Extracted records:
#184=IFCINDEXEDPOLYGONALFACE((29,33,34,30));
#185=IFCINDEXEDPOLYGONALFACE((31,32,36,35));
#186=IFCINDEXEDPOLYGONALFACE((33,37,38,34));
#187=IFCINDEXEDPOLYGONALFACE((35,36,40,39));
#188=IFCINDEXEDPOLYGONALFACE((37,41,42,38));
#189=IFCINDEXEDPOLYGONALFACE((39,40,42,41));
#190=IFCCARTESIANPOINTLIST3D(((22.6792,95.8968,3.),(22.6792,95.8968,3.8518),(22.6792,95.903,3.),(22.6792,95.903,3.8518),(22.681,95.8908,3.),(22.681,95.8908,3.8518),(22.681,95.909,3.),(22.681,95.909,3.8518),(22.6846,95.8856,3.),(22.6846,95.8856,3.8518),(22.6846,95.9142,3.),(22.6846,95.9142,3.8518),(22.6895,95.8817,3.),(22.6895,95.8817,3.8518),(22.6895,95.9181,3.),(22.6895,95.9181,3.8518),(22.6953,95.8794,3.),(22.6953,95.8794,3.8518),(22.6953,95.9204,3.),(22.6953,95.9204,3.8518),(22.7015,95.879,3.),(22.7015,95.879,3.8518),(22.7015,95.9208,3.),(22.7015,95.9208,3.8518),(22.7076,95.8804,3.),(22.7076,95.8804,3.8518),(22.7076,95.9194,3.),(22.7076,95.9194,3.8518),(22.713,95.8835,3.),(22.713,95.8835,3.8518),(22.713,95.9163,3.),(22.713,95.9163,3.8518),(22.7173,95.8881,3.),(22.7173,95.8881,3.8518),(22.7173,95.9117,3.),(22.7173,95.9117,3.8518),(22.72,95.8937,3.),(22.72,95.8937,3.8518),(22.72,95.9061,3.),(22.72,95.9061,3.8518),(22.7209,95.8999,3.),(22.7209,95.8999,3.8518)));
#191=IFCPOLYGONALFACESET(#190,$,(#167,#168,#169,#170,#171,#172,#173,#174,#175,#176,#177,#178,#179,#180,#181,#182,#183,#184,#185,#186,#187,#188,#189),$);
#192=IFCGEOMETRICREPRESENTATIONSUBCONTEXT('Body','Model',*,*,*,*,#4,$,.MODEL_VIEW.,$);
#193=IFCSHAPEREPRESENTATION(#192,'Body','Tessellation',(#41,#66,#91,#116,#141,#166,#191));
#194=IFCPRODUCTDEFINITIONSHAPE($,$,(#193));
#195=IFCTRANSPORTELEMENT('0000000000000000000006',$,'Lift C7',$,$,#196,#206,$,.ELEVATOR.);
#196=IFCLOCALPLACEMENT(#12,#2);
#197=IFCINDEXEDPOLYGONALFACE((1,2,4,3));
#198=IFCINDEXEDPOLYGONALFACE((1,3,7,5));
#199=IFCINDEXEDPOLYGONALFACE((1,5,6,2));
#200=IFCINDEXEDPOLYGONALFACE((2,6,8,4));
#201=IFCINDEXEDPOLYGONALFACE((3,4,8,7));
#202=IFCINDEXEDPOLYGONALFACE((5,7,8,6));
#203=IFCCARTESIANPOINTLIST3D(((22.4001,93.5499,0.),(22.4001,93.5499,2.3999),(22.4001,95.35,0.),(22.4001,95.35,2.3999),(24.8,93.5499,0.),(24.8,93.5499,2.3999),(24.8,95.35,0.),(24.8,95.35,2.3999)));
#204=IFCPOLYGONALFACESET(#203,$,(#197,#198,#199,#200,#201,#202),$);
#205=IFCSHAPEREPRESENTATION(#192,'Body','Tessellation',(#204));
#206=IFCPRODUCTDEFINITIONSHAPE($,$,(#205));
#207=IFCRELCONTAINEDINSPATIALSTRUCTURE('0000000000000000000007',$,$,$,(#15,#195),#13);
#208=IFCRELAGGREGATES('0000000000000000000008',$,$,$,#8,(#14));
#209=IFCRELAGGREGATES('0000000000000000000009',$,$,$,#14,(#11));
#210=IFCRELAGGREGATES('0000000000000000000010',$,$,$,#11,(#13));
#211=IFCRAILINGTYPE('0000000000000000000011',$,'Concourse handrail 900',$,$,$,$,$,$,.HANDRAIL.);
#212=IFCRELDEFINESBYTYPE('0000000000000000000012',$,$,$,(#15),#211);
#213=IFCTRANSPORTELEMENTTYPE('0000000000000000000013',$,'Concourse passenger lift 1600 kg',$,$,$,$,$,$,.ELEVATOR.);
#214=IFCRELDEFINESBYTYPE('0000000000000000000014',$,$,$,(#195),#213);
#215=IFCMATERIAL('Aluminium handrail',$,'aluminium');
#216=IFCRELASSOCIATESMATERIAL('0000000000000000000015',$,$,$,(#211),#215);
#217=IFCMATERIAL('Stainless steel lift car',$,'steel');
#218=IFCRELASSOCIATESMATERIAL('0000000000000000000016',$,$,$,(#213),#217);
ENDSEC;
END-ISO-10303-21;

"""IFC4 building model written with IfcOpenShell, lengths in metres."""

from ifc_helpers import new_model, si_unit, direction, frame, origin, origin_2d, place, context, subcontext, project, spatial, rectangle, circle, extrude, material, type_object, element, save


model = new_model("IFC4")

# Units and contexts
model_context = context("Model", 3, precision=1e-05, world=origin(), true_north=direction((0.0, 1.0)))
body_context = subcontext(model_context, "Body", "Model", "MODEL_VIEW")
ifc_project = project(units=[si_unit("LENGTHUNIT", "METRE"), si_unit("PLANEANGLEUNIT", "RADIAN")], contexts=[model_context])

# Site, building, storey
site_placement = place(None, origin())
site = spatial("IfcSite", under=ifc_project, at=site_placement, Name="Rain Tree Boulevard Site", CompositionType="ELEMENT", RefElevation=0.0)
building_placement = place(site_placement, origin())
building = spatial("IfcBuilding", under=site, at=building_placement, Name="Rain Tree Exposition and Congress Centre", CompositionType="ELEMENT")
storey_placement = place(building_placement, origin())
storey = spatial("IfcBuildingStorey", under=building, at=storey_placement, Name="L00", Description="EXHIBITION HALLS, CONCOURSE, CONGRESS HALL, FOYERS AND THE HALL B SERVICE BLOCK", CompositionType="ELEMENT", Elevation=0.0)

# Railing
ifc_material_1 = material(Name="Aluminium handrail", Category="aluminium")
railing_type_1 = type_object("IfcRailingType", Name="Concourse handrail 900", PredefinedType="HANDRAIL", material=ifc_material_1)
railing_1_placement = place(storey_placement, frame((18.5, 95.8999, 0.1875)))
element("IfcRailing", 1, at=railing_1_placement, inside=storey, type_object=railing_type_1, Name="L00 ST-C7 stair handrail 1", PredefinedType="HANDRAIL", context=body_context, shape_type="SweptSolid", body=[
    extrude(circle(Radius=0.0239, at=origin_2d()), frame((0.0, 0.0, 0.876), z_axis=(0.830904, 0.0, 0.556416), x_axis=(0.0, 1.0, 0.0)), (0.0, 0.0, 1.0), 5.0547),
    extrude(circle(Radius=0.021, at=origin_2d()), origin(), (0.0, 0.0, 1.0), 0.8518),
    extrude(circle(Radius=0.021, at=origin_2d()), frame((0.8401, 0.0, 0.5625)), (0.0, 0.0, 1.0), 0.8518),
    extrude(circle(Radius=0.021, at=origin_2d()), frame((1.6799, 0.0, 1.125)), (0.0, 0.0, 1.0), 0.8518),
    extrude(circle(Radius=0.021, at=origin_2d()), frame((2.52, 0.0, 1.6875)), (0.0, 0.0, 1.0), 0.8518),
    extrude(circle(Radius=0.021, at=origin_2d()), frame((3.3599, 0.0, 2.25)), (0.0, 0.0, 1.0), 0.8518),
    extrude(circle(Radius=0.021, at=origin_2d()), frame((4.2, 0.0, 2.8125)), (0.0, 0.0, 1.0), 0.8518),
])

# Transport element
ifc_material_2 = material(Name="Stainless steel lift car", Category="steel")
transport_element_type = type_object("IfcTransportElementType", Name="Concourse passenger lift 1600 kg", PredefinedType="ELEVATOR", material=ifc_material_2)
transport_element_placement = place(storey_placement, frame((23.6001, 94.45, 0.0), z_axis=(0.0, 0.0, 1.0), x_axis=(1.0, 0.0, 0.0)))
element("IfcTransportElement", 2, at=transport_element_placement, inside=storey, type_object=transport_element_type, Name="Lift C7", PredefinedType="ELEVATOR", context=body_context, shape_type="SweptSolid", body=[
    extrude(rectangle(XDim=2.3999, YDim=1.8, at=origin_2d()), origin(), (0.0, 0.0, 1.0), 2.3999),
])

» TASK GOAL: Please filter the data down to the lines containing the word "IFCPOLYGONALFACESET".

» ANSWER FOR THE TASK:
#191=IFCPOLYGONALFACESET(#190,$,(#167,#168,#169,#170,#171,#172,#173,#174,#175,#176,#177,#178,#179,#180,#181,#182,#183,#184,#185,#186,#187,#188,#189),$);
#204=IFCPOLYGONALFACESET(#203,$,(#197,#198,#199,#200,#201,#202),$);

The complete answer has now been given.